ABOUT THIS TASK ::
Working from the records below, repeat exactly the lines starting at the line that contains "Accessible Restroom Wide" and ending at the line that contains "#73=IFCPRODUCTDEFINITIONSHAPE($,$,(#72));", inclusive.

-------- DATA PROVIDED

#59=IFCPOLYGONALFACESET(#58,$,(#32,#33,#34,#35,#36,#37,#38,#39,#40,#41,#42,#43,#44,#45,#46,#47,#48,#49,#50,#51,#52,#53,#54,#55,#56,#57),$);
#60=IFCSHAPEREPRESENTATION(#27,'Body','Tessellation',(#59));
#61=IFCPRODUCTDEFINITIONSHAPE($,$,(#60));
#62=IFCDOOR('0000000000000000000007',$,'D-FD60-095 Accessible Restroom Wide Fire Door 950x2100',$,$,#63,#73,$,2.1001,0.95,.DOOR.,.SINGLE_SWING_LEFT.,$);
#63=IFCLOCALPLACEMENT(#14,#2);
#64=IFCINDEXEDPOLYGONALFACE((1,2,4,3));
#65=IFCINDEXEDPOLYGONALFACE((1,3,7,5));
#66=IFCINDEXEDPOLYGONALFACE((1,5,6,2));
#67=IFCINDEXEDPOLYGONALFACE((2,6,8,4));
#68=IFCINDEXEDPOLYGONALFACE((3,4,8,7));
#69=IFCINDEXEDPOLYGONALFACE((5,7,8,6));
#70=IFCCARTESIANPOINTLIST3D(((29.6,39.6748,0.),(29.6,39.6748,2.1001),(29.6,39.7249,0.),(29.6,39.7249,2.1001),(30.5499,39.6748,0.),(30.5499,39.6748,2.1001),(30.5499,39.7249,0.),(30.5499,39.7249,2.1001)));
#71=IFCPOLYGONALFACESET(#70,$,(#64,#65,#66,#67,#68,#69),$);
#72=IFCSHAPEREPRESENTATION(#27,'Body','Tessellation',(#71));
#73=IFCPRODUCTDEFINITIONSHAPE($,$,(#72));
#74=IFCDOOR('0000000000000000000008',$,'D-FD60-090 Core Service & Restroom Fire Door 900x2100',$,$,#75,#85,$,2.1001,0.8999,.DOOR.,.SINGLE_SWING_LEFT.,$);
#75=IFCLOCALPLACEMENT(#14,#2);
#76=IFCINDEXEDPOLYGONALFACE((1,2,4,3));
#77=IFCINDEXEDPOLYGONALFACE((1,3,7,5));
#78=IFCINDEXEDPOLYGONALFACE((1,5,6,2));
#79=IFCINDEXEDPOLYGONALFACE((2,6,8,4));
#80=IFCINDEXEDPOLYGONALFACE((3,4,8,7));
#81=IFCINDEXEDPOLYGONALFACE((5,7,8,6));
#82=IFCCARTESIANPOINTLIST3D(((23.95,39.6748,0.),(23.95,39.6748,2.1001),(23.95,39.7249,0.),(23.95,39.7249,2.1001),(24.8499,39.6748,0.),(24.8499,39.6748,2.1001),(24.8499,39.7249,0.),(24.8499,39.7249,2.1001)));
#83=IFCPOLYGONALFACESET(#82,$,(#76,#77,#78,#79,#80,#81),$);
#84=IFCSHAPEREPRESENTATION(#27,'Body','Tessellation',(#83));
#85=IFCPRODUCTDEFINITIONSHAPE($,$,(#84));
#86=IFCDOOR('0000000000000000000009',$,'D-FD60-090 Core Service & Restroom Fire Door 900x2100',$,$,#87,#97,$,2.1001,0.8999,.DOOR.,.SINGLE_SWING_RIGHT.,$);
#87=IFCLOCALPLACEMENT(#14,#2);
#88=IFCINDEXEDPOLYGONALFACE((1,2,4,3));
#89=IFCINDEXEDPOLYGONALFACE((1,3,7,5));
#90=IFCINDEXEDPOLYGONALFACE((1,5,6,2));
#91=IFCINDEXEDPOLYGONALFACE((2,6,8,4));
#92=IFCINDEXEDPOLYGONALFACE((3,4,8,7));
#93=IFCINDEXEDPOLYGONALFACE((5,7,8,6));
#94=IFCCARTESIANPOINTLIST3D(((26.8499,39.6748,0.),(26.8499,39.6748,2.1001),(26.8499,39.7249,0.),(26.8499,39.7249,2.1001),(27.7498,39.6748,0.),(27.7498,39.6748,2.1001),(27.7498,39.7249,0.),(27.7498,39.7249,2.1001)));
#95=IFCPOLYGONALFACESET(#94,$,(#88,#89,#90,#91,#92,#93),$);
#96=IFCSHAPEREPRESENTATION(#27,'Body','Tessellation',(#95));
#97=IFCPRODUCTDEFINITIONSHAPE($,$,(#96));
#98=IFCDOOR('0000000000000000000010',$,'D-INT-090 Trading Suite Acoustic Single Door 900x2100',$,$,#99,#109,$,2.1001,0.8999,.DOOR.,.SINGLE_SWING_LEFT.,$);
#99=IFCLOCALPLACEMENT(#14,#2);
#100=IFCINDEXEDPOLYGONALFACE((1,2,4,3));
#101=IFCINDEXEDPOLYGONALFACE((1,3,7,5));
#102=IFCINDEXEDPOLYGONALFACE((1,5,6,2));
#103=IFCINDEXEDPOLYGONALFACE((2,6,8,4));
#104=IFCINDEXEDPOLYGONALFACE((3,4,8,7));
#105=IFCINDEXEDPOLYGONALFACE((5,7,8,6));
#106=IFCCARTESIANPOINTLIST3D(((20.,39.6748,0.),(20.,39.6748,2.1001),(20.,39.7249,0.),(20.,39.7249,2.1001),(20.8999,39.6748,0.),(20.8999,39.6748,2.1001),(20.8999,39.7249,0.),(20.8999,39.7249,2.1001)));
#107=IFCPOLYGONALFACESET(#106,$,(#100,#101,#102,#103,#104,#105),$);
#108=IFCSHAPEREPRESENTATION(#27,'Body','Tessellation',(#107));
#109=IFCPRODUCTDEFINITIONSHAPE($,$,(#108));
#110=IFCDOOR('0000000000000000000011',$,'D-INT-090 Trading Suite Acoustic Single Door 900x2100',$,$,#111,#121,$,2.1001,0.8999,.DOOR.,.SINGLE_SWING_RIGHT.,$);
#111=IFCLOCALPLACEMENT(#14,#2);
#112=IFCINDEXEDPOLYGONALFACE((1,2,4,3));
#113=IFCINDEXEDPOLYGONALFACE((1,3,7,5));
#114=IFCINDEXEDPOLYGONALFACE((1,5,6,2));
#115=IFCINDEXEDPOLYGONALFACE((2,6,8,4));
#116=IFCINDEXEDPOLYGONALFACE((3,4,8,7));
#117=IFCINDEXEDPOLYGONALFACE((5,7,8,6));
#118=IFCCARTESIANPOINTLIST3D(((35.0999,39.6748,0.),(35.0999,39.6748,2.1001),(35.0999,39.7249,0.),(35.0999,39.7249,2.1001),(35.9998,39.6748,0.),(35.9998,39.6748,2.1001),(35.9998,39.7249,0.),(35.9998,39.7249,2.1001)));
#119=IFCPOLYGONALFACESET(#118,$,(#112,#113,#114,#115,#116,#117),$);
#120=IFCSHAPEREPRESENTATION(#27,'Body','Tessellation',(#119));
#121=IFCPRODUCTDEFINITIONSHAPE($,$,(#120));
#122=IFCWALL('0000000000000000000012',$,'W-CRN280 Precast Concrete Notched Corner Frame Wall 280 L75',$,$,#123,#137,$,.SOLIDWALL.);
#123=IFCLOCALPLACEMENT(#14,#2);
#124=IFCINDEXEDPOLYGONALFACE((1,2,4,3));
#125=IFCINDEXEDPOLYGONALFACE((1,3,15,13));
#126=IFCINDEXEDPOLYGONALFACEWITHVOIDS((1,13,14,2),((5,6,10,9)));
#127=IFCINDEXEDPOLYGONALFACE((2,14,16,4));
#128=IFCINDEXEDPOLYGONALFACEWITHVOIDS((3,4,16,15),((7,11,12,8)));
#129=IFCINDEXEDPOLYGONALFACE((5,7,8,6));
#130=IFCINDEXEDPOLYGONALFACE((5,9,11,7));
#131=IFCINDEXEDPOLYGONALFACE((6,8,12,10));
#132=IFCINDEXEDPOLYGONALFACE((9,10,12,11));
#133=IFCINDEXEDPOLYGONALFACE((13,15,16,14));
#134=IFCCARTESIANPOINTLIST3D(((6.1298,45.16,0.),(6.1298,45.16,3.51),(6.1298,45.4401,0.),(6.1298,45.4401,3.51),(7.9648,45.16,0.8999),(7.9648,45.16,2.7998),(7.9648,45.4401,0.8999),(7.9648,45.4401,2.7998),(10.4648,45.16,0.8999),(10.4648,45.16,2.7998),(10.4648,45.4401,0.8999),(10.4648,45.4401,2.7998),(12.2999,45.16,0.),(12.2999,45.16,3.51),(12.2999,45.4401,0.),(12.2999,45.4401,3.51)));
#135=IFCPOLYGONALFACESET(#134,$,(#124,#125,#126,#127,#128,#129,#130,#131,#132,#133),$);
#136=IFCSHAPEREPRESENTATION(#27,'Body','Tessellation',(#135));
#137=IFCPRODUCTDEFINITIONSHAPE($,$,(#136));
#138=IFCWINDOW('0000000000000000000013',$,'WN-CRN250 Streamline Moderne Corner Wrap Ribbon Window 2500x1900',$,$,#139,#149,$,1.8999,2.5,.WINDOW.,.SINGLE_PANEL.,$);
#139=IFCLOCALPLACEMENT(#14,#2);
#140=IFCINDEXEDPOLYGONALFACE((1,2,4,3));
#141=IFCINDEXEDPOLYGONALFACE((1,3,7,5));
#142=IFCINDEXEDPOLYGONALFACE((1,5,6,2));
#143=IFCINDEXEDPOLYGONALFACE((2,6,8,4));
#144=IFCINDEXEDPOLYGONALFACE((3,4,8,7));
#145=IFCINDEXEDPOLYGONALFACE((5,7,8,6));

----------------
-------- DATA PROVIDED

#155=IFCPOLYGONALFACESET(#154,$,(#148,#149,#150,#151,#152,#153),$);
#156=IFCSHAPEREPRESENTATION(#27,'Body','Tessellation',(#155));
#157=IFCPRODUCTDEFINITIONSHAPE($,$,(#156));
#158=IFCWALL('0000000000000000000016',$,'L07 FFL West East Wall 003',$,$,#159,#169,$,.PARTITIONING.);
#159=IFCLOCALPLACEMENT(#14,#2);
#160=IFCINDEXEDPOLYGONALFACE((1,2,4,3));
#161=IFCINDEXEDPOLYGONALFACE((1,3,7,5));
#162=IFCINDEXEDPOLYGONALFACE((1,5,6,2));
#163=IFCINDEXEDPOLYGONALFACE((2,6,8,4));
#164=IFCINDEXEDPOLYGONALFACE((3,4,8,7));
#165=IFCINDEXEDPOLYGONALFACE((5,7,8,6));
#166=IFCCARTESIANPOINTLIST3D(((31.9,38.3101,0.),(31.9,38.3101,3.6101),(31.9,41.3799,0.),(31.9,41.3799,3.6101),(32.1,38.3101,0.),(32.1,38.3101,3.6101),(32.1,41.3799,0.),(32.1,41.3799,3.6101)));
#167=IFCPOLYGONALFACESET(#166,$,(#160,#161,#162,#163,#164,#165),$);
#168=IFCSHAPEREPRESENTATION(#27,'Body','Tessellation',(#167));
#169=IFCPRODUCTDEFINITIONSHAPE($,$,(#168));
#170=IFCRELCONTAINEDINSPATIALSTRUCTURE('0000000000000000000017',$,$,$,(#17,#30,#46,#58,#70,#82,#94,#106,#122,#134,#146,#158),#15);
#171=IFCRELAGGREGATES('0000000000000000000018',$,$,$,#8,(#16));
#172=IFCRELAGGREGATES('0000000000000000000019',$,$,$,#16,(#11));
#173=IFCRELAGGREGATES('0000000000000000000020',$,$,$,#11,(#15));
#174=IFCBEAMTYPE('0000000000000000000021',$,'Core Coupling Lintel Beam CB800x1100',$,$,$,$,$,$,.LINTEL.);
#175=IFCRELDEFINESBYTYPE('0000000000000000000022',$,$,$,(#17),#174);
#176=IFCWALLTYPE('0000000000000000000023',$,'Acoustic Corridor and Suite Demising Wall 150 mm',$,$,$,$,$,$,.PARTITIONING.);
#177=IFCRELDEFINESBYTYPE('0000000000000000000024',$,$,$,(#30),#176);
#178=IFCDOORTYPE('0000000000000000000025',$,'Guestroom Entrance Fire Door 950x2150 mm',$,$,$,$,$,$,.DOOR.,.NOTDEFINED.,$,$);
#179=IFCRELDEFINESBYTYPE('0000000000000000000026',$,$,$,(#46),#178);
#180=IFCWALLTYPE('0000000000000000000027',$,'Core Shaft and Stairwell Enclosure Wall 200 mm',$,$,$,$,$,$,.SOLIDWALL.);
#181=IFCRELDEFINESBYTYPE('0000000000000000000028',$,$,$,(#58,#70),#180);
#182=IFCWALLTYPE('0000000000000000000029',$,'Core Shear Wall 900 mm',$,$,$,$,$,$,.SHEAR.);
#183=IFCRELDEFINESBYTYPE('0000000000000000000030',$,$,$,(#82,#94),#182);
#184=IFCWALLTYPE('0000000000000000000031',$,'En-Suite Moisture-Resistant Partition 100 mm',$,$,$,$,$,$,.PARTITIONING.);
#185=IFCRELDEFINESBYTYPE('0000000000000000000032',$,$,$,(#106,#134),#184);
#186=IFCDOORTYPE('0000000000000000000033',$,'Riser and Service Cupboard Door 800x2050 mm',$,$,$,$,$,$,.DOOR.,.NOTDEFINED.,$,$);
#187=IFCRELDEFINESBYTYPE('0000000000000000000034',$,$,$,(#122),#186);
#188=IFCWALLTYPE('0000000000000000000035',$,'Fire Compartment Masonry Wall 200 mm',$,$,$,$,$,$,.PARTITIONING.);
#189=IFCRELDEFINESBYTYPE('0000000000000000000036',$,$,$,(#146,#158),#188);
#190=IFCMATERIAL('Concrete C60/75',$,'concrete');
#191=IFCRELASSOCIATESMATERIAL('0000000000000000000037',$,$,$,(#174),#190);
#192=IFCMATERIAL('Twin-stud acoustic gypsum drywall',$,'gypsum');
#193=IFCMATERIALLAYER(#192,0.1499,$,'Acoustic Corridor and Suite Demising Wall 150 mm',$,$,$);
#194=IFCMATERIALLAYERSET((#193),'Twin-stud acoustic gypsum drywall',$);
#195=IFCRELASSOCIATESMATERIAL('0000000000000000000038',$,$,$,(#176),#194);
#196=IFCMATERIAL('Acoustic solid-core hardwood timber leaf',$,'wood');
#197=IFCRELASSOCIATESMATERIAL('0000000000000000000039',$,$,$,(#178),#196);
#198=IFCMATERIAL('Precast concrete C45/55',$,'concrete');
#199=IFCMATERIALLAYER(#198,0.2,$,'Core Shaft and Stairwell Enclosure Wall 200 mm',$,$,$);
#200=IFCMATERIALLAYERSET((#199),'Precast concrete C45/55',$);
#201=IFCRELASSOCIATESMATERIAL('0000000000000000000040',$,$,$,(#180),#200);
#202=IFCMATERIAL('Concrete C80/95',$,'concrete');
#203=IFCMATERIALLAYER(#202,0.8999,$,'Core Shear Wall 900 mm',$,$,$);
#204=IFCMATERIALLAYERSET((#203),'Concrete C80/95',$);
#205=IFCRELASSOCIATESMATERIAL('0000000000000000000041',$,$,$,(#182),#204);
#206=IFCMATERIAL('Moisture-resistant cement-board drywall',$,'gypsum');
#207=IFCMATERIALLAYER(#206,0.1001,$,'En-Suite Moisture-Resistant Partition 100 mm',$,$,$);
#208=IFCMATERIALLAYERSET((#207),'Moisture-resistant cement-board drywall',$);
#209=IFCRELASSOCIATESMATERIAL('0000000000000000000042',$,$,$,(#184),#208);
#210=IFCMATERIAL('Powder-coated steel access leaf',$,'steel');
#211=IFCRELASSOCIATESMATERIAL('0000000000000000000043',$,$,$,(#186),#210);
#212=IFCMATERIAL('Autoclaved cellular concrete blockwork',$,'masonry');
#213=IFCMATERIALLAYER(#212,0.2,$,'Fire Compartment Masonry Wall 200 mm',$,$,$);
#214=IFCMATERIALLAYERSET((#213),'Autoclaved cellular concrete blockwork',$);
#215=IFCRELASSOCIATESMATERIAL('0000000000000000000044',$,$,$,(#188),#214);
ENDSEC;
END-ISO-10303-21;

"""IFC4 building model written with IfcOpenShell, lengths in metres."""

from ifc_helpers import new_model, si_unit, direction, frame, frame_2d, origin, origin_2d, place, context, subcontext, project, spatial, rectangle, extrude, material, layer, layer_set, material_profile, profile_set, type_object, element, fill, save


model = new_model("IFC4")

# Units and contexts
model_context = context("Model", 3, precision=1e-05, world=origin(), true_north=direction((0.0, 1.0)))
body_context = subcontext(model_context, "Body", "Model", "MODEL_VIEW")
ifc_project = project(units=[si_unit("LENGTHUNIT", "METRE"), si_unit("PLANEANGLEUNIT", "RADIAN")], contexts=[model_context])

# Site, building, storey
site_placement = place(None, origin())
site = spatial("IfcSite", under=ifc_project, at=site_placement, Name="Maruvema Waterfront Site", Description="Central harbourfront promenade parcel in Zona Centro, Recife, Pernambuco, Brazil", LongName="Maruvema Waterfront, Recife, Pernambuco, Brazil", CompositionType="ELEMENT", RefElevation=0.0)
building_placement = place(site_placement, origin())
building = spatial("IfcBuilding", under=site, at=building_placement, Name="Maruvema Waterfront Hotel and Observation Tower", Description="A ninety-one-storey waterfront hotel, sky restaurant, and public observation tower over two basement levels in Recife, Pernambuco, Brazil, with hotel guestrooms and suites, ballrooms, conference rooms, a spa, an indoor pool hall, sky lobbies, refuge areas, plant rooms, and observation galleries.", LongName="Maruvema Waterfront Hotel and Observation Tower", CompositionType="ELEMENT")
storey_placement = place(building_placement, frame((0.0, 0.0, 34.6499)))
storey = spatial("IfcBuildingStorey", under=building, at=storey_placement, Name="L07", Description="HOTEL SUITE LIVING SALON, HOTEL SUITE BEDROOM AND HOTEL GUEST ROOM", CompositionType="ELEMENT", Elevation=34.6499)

----------------

SOLUTION TO THE EXERCISE ::
#62=IFCDOOR('0000000000000000000007',$,'D-FD60-095 Accessible Restroom Wide Fire Door 950x2100',$,$,#63,#73,$,2.1001,0.95,.DOOR.,.SINGLE_SWING_LEFT.,$);
#63=IFCLOCALPLACEMENT(#14,#2);
#64=IFCINDEXEDPOLYGONALFACE((1,2,4,3));
#65=IFCINDEXEDPOLYGONALFACE((1,3,7,5));
#66=IFCINDEXEDPOLYGONALFACE((1,5,6,2));
#67=IFCINDEXEDPOLYGONALFACE((2,6,8,4));
#68=IFCINDEXEDPOLYGONALFACE((3,4,8,7));
#69=IFCINDEXEDPOLYGONALFACE((5,7,8,6));
#70=IFCCARTESIANPOINTLIST3D(((29.6,39.6748,0.),(29.6,39.6748,2.1001),(29.6,39.7249,0.),(29.6,39.7249,2.1001),(30.5499,39.6748,0.),(30.5499,39.6748,2.1001),(30.5499,39.7249,0.),(30.5499,39.7249,2.1001)));
#71=IFCPOLYGONALFACESET(#70,$,(#64,#65,#66,#67,#68,#69),$);
#72=IFCSHAPEREPRESENTATION(#27,'Body','Tessellation',(#71));
#73=IFCPRODUCTDEFINITIONSHAPE($,$,(#72));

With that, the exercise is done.